→ What this task involves: Copy exactly the lines of the data below that run from the line holding "#219=IFCMATERIALLAYER(#218,0.2,$,$,$,$,$);" through the line holding "#224=IFCMATERIALLAYERSET((#223),'Glazed partition 100',$);", both ends included.

(Stored data)
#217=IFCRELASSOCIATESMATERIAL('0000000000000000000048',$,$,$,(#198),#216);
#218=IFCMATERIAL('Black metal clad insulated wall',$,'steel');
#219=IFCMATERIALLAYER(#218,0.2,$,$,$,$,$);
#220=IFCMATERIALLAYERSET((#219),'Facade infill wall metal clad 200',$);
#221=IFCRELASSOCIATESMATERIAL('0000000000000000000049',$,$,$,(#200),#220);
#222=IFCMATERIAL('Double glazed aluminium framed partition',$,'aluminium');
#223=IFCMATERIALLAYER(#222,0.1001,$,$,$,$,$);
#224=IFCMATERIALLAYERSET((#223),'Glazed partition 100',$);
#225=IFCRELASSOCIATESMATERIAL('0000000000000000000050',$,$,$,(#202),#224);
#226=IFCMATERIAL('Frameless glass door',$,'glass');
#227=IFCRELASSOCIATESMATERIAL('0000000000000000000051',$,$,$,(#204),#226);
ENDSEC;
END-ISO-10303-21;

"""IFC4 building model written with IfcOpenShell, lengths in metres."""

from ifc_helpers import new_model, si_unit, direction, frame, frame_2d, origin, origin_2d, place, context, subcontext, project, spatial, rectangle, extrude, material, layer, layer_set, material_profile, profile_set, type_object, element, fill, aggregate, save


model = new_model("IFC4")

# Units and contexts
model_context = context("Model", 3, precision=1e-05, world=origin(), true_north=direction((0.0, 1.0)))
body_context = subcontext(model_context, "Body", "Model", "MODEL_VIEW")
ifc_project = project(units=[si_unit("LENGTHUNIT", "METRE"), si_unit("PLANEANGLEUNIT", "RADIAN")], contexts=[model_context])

...

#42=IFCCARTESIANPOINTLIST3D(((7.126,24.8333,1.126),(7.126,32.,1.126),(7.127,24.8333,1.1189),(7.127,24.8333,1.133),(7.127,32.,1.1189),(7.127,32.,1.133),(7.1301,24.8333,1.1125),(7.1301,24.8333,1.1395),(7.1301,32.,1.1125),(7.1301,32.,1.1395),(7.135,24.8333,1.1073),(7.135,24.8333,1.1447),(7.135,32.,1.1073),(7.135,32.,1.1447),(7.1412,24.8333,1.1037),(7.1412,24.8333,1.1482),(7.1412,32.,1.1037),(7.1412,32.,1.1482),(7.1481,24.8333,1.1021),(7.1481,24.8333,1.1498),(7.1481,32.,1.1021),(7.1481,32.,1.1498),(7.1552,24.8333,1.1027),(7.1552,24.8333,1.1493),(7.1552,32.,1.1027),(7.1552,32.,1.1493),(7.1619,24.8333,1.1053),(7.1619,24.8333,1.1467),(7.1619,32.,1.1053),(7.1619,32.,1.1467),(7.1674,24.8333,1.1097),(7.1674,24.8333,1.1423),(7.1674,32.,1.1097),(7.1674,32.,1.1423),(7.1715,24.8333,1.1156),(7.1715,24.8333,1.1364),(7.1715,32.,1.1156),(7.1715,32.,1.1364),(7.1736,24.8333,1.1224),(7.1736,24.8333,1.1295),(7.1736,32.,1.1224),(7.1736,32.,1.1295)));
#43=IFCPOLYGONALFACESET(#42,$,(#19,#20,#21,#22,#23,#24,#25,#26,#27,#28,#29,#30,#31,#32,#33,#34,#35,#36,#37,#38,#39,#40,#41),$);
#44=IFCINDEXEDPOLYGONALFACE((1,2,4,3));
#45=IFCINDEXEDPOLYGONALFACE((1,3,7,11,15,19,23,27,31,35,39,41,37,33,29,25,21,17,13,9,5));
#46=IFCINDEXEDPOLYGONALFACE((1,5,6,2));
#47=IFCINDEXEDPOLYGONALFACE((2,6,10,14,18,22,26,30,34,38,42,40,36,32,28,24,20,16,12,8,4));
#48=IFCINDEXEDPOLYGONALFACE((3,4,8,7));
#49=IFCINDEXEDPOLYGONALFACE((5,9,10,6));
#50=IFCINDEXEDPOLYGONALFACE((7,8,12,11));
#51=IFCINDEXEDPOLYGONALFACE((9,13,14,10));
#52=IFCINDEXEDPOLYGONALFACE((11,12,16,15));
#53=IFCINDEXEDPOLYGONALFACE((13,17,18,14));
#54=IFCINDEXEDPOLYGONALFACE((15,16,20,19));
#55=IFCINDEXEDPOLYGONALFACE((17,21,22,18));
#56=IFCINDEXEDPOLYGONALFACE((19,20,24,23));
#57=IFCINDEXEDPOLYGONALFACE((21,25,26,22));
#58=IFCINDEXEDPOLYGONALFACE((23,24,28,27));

→ Solution for this task:
#219=IFCMATERIALLAYER(#218,0.2,$,$,$,$,$);
#220=IFCMATERIALLAYERSET((#219),'Facade infill wall metal clad 200',$);
#221=IFCRELASSOCIATESMATERIAL('0000000000000000000049',$,$,$,(#200),#220);
#222=IFCMATERIAL('Double glazed aluminium framed partition',$,'aluminium');
#223=IFCMATERIALLAYER(#222,0.1001,$,$,$,$,$);
#224=IFCMATERIALLAYERSET((#223),'Glazed partition 100',$);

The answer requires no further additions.